*Exercise objective*
In the records below, which lines include "parts"? Copy them.

[Collected data entries]
*****

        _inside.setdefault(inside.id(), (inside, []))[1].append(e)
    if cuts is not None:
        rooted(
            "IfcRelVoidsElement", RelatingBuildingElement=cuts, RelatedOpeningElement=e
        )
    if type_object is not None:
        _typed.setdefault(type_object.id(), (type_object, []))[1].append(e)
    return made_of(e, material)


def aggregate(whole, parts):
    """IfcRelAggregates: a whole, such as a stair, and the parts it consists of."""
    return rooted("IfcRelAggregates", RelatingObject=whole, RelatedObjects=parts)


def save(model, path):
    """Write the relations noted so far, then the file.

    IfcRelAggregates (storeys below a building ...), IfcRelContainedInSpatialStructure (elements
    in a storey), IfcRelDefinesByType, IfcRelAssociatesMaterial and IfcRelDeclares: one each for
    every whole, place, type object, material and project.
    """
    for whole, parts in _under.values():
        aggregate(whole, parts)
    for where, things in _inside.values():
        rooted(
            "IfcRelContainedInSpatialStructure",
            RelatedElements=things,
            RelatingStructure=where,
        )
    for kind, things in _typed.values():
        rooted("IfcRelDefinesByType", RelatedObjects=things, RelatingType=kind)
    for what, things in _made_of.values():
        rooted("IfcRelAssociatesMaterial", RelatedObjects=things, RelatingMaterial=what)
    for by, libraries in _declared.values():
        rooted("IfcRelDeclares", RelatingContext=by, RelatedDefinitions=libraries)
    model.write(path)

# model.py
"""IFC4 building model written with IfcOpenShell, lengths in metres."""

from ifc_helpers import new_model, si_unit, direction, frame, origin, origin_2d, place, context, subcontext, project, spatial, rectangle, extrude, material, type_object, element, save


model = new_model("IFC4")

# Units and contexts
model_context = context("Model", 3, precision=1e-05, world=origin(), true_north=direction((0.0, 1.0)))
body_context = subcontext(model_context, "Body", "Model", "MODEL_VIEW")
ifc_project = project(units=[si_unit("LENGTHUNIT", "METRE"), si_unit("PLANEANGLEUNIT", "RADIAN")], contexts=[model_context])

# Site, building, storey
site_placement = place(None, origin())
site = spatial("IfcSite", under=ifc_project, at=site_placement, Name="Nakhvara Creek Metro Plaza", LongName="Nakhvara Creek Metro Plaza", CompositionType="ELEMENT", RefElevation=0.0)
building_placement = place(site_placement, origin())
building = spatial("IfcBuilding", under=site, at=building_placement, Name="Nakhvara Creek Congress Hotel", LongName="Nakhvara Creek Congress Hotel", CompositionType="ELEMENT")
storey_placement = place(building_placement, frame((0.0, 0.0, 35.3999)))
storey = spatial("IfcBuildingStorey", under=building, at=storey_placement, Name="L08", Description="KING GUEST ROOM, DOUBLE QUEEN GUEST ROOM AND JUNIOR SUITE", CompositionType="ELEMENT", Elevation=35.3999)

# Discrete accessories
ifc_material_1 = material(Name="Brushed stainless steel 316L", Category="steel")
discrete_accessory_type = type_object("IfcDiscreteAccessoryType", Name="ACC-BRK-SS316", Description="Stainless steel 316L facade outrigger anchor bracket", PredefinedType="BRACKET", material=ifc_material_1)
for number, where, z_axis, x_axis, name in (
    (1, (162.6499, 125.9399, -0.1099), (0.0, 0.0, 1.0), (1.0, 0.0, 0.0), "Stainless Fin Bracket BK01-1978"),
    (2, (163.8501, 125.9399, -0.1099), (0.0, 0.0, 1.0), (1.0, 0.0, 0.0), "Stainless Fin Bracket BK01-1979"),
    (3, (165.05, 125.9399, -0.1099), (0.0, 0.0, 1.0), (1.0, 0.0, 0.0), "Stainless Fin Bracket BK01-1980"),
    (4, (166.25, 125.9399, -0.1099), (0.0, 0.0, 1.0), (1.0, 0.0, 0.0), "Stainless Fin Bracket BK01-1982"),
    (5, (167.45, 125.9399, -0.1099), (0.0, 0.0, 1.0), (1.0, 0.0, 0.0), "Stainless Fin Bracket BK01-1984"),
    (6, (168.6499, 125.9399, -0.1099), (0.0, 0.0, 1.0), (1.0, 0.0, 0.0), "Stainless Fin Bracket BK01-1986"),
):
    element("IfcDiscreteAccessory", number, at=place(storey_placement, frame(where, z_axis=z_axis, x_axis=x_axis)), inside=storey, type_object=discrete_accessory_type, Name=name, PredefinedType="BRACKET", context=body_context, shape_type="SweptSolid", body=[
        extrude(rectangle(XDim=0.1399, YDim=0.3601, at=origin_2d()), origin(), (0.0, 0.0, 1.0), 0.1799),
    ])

*****

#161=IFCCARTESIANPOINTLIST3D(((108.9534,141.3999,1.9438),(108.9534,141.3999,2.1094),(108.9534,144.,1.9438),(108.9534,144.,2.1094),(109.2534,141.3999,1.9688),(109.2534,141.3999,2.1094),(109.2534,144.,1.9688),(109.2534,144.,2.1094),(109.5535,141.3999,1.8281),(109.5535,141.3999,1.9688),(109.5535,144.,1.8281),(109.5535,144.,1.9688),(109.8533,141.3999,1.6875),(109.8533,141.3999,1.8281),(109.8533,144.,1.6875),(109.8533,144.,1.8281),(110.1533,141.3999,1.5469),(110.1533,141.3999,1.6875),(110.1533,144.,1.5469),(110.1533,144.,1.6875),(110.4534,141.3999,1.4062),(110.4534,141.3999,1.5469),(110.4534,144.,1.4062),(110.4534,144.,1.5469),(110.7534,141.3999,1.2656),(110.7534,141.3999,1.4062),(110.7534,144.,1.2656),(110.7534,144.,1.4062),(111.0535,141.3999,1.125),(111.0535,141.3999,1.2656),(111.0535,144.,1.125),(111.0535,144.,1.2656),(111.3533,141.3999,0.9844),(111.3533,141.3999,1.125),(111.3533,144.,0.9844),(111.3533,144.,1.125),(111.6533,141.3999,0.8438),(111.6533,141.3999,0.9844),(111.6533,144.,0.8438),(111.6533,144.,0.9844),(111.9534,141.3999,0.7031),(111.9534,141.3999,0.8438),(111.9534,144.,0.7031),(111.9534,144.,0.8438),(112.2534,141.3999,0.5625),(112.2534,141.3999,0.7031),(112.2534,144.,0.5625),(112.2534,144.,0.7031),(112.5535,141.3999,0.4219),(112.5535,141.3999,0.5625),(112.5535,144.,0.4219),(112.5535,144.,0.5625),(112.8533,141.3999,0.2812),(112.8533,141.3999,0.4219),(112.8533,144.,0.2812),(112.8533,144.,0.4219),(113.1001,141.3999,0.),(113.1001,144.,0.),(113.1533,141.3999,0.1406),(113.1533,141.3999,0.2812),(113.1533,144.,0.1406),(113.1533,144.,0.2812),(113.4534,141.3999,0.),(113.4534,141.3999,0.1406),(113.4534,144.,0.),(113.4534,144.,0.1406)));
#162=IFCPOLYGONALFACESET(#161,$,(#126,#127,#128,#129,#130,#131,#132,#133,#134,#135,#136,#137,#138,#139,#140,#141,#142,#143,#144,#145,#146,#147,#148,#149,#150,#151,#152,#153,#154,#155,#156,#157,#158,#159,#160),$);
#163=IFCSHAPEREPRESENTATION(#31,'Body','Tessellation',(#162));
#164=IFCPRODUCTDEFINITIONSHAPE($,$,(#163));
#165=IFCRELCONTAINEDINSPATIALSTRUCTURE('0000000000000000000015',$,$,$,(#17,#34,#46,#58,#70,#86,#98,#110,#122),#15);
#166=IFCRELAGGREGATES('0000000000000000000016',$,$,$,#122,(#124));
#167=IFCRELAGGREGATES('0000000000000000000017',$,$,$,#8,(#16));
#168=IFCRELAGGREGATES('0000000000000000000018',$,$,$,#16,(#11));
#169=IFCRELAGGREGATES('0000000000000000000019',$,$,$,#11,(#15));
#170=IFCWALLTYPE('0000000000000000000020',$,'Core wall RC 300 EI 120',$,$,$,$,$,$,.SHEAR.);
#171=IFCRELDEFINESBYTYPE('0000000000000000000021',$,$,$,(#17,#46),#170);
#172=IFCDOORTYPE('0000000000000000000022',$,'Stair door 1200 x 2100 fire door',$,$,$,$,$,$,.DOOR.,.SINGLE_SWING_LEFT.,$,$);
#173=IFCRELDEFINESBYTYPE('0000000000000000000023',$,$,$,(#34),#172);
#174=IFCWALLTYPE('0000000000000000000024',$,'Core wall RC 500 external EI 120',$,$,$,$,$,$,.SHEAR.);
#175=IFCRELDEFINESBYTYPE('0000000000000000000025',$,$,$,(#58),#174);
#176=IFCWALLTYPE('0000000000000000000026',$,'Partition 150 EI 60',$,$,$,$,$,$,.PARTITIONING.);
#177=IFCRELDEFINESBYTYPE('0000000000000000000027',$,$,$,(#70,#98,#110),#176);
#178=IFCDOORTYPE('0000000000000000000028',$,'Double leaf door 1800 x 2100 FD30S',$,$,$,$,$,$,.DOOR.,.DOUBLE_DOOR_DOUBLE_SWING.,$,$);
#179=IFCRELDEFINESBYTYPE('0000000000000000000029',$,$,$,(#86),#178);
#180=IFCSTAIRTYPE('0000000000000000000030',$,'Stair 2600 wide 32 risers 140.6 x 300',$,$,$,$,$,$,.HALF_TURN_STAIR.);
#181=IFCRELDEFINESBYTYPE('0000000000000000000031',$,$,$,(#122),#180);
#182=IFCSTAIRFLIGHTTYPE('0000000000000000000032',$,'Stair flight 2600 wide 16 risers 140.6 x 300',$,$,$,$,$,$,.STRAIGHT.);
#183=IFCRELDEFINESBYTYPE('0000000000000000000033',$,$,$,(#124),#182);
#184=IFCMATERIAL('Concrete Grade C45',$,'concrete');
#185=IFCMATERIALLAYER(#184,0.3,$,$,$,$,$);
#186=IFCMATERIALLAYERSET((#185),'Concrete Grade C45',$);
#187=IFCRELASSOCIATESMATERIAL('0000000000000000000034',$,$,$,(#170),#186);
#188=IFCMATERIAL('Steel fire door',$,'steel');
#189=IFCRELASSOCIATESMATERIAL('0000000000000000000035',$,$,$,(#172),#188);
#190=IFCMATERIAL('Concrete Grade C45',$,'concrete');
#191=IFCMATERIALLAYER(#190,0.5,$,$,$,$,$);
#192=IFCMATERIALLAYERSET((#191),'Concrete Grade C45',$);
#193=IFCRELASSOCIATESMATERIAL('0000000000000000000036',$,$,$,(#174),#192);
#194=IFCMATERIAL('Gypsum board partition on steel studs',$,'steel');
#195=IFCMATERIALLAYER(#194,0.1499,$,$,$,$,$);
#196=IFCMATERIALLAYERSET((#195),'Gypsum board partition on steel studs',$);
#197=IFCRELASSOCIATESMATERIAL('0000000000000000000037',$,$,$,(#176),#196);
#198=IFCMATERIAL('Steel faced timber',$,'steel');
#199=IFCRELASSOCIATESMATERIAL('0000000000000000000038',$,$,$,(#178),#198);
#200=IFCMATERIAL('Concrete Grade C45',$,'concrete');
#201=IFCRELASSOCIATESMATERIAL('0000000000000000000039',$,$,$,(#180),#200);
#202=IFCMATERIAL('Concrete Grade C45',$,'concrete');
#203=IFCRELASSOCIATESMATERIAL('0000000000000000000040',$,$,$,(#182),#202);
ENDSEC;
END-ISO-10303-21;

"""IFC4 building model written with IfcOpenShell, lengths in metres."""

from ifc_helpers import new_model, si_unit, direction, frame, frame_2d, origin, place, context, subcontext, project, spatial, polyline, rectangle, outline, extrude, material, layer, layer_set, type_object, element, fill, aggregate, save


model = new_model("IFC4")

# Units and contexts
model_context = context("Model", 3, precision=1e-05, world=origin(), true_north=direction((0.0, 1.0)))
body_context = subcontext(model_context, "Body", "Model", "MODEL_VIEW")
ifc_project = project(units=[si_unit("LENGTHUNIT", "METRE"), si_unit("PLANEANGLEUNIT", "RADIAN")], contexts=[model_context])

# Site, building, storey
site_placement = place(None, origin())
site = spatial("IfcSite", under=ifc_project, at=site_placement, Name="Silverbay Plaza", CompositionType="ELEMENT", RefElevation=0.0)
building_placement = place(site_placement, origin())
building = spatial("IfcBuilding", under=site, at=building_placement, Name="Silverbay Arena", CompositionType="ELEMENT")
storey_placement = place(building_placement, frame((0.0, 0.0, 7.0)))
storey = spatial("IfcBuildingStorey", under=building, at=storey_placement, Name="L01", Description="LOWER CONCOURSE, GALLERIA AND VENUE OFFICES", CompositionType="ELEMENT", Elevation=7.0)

*****

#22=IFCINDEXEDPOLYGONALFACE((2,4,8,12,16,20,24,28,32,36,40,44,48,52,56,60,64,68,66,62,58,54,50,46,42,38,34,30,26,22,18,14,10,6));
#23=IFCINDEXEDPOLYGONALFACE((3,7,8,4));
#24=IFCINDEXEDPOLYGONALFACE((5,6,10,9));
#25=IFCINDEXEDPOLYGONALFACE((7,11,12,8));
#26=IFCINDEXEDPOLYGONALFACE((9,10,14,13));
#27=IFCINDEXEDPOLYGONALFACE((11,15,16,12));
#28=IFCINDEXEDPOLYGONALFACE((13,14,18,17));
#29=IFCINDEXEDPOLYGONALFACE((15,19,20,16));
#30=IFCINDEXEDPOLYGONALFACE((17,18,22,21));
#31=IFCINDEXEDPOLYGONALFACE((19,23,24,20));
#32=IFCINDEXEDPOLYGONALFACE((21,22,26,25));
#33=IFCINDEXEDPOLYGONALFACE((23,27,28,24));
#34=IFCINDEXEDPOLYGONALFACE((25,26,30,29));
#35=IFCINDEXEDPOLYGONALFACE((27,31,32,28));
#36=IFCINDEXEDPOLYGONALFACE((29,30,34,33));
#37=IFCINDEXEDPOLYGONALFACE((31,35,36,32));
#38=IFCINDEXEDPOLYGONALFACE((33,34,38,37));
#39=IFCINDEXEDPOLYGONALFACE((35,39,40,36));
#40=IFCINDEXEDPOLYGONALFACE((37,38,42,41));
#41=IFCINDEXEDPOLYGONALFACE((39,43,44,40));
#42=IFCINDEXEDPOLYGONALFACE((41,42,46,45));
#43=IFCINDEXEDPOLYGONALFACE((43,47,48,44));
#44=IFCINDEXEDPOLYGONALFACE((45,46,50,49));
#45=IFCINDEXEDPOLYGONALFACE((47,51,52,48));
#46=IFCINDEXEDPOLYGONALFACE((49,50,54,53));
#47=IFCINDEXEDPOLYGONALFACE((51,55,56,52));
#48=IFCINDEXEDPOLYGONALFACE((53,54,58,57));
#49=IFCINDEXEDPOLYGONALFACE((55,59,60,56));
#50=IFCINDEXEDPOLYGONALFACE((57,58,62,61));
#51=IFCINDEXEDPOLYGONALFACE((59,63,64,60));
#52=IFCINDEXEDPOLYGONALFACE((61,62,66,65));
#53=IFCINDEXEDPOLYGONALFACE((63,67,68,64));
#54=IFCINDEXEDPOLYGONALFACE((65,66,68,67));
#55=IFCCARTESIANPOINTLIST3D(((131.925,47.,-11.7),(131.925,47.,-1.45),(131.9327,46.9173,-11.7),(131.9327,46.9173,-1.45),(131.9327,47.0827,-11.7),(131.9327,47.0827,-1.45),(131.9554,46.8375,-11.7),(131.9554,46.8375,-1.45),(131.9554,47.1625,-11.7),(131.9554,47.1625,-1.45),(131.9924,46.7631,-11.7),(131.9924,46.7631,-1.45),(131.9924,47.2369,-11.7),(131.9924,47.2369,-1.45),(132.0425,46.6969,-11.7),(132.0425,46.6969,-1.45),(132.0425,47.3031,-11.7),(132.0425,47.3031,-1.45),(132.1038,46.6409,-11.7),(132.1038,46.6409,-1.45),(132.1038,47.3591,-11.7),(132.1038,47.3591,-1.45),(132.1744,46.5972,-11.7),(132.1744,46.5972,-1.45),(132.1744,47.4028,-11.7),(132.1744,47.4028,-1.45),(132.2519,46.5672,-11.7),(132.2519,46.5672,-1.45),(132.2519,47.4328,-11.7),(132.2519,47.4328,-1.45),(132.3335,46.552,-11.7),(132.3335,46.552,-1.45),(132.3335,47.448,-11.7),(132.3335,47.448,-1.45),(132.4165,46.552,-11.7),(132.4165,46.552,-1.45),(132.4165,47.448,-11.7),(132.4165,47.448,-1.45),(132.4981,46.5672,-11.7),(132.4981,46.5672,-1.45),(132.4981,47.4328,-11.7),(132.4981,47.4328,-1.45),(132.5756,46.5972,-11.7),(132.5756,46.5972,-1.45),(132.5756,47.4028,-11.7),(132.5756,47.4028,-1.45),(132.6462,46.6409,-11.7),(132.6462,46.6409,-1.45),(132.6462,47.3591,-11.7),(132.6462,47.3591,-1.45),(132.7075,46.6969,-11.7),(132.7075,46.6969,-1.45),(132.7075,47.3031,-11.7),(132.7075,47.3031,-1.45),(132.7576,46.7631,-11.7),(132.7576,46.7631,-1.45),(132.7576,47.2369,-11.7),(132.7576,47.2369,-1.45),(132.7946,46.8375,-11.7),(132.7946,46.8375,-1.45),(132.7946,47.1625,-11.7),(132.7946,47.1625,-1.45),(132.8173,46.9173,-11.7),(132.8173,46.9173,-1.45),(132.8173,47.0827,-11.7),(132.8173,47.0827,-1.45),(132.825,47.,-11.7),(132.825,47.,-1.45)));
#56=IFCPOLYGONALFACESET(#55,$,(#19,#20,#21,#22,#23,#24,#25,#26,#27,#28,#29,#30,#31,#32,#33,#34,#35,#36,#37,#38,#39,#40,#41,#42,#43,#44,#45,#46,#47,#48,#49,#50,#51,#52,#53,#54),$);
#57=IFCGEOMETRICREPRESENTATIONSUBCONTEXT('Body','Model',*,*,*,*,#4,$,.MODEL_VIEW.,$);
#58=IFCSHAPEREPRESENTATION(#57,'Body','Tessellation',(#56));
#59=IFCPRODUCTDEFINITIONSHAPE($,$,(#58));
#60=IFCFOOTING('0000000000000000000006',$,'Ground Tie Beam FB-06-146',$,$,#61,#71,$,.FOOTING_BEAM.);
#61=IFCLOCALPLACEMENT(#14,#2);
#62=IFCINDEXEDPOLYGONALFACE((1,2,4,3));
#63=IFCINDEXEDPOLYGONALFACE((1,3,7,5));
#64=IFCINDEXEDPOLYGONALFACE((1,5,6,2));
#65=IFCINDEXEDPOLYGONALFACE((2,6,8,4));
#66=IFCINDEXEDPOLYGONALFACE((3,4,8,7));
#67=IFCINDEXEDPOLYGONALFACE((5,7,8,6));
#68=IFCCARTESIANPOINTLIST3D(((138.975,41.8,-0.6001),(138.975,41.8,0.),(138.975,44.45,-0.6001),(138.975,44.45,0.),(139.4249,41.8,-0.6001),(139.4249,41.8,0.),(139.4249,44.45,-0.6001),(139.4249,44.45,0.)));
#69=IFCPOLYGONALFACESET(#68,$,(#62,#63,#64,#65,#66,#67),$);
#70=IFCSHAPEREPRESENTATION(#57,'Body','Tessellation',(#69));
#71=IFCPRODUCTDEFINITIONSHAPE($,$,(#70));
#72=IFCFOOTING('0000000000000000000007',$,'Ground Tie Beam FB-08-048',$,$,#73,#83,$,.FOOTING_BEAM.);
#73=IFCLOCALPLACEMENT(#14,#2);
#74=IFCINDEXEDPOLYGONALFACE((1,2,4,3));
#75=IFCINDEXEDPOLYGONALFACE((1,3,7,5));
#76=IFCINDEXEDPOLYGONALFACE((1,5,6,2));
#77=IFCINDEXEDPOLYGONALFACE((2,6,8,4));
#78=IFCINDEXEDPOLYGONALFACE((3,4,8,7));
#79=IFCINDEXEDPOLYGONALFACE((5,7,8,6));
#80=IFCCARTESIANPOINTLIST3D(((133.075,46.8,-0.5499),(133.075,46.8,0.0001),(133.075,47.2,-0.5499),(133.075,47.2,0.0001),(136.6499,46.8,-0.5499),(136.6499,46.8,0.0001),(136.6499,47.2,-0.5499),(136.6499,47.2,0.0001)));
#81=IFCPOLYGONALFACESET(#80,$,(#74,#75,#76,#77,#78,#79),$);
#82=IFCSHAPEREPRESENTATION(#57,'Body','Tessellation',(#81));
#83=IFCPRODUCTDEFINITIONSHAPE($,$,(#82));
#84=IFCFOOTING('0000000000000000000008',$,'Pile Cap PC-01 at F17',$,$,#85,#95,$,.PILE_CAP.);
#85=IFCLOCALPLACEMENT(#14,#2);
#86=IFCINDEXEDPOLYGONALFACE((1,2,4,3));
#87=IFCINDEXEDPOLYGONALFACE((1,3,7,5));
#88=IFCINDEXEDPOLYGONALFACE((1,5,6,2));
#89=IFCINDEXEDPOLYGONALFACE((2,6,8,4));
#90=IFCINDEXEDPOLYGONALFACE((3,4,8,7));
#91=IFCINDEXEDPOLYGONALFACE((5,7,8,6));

*****

*Answer box*
def aggregate(whole, parts):
    """IfcRelAggregates: a whole, such as a stair, and the parts it consists of."""
    return rooted("IfcRelAggregates", RelatingObject=whole, RelatedObjects=parts)
    for whole, parts in _under.values():
        aggregate(whole, parts)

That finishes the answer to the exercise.